## What you will do
Write out again, please, the records below from the first line to the line holding "#126=IFCINDEXEDPOLYGONALFACE((24,62,65,27));", inclusive, and nothing else.

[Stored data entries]
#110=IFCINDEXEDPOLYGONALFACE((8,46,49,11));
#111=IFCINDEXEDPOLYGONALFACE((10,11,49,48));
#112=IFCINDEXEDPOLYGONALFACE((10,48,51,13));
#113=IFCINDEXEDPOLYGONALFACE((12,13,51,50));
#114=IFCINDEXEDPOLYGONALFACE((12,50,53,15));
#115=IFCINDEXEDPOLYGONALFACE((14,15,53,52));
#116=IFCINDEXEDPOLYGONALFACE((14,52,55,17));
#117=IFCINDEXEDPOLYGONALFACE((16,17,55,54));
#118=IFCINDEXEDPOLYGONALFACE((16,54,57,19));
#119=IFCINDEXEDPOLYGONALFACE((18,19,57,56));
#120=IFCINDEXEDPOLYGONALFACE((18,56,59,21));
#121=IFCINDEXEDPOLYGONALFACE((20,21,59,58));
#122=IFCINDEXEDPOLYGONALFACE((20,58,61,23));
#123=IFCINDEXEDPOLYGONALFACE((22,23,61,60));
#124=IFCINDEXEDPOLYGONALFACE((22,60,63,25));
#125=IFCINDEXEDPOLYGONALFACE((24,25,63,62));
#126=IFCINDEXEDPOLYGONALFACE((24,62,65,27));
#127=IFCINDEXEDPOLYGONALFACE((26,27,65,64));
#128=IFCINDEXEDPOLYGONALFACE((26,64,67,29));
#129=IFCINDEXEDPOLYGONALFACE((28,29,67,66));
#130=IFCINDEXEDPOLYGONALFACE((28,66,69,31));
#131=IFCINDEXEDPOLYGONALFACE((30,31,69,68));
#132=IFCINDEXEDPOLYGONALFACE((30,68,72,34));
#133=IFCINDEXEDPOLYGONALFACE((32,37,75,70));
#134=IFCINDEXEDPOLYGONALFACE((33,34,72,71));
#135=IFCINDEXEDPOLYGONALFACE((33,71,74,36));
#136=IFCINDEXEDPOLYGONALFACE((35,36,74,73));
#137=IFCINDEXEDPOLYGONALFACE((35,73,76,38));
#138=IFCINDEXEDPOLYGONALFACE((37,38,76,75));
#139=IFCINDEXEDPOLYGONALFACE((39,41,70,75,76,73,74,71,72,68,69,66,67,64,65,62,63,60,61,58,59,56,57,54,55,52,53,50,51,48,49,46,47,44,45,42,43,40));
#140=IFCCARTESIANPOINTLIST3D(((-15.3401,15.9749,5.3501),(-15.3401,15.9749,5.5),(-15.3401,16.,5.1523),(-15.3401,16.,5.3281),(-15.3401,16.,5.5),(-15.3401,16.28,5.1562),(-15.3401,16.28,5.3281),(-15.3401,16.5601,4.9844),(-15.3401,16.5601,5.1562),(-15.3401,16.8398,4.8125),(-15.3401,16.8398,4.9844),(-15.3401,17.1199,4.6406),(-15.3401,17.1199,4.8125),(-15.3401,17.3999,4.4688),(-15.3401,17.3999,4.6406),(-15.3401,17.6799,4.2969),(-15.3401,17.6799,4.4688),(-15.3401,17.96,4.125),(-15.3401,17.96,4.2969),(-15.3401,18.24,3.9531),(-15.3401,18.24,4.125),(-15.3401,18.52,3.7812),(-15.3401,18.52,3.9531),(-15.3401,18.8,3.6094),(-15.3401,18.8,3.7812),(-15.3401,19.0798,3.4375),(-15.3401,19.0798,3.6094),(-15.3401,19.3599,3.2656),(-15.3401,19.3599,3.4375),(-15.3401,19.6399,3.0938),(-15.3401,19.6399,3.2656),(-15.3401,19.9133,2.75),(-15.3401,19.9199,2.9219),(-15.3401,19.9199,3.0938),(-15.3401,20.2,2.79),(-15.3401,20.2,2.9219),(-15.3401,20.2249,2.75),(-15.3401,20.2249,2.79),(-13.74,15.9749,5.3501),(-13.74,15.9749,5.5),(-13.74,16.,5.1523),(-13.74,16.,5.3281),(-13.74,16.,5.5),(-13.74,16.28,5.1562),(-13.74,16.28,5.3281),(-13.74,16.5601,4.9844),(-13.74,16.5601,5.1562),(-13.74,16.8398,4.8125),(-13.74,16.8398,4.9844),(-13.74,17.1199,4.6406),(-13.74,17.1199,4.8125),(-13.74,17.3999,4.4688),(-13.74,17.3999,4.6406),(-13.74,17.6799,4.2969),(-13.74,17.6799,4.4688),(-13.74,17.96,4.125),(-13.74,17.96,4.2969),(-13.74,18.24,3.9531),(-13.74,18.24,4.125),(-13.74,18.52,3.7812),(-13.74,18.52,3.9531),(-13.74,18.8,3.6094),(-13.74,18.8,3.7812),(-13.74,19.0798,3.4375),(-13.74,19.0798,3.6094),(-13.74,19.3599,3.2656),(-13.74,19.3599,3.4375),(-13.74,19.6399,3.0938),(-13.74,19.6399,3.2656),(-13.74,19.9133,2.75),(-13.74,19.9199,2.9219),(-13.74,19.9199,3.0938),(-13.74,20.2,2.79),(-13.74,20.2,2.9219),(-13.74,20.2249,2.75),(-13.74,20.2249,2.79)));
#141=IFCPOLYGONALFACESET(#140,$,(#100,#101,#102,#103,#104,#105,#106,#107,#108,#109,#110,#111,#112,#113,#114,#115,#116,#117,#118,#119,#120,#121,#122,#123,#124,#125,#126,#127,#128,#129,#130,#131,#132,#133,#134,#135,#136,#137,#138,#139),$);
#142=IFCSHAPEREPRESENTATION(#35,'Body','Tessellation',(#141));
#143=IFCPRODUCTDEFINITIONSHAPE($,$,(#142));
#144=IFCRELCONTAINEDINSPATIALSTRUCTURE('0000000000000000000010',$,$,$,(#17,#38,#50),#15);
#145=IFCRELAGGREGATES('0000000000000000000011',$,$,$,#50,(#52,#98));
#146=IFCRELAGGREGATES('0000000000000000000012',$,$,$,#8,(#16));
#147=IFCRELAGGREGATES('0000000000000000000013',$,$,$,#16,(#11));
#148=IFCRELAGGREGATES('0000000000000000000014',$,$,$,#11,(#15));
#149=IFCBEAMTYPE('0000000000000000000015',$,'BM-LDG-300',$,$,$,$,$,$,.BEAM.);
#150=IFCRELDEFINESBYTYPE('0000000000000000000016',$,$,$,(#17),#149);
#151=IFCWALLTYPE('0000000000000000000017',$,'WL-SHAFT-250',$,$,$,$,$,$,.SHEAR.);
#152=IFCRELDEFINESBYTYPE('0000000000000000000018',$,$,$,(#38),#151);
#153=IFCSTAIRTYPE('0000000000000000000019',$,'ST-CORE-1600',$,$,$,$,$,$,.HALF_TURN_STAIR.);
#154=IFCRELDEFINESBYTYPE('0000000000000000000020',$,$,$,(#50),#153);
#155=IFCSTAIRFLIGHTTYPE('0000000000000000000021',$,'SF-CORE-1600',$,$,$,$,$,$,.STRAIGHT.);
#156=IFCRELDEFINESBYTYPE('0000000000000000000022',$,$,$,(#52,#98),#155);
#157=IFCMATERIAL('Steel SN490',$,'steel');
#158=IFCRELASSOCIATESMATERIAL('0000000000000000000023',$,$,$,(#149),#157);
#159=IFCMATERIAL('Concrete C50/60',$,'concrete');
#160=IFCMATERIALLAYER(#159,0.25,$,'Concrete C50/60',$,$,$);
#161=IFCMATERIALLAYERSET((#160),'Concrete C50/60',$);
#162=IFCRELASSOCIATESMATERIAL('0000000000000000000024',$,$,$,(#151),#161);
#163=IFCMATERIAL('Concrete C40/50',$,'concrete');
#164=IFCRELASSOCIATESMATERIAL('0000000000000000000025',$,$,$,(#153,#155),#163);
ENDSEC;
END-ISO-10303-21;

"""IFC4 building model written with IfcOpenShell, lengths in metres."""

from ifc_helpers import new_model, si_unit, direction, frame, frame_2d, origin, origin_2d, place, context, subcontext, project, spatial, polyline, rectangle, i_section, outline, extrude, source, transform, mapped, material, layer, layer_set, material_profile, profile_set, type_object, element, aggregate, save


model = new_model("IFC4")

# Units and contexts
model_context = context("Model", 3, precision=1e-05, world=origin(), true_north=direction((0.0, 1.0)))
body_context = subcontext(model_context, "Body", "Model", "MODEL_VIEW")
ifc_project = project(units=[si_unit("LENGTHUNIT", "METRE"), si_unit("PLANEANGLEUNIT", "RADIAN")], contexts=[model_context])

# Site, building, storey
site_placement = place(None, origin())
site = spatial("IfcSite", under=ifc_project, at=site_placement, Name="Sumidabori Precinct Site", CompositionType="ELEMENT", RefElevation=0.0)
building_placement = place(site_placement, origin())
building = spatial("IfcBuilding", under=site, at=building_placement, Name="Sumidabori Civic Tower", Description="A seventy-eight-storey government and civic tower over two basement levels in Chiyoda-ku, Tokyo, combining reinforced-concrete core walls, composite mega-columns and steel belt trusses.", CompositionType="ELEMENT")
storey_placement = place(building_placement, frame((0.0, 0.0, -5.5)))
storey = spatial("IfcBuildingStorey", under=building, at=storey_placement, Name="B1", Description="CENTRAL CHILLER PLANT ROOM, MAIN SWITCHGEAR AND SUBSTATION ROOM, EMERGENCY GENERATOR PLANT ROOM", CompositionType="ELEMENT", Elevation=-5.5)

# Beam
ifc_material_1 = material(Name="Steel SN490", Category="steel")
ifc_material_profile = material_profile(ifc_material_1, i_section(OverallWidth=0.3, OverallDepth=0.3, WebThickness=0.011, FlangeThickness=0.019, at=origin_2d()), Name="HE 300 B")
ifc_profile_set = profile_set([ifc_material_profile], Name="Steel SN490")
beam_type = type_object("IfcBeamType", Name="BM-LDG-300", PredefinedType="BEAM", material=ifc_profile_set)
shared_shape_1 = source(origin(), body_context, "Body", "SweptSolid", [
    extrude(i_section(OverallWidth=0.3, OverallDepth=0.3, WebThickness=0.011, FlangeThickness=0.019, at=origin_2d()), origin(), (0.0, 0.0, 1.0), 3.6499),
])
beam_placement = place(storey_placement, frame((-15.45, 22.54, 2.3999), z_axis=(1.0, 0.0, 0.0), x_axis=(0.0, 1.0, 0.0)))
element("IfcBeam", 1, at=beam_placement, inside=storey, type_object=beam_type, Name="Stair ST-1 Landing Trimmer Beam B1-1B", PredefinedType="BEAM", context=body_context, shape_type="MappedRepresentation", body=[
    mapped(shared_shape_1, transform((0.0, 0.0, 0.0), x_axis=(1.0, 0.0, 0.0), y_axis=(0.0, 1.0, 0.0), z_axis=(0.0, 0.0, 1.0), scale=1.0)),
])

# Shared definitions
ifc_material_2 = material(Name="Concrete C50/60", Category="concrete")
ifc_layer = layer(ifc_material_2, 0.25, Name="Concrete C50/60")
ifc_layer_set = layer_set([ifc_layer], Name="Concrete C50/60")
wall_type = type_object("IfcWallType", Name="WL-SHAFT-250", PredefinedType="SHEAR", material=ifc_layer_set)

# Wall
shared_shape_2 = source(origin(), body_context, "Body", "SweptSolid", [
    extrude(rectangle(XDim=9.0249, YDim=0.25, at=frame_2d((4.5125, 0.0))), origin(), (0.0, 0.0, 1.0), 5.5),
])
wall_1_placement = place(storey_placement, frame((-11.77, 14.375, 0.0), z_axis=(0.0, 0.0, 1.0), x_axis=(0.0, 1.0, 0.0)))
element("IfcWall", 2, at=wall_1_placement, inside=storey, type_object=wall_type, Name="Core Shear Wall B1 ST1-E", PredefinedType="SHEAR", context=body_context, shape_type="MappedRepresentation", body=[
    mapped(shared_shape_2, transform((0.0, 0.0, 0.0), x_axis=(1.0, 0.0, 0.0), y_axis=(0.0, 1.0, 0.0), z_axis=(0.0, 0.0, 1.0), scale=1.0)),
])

## Task result
#110=IFCINDEXEDPOLYGONALFACE((8,46,49,11));
#111=IFCINDEXEDPOLYGONALFACE((10,11,49,48));
#112=IFCINDEXEDPOLYGONALFACE((10,48,51,13));
#113=IFCINDEXEDPOLYGONALFACE((12,13,51,50));
#114=IFCINDEXEDPOLYGONALFACE((12,50,53,15));
#115=IFCINDEXEDPOLYGONALFACE((14,15,53,52));
#116=IFCINDEXEDPOLYGONALFACE((14,52,55,17));
#117=IFCINDEXEDPOLYGONALFACE((16,17,55,54));
#118=IFCINDEXEDPOLYGONALFACE((16,54,57,19));
#119=IFCINDEXEDPOLYGONALFACE((18,19,57,56));
#120=IFCINDEXEDPOLYGONALFACE((18,56,59,21));
#121=IFCINDEXEDPOLYGONALFACE((20,21,59,58));
#122=IFCINDEXEDPOLYGONALFACE((20,58,61,23));
#123=IFCINDEXEDPOLYGONALFACE((22,23,61,60));
#124=IFCINDEXEDPOLYGONALFACE((22,60,63,25));
#125=IFCINDEXEDPOLYGONALFACE((24,25,63,62));
#126=IFCINDEXEDPOLYGONALFACE((24,62,65,27));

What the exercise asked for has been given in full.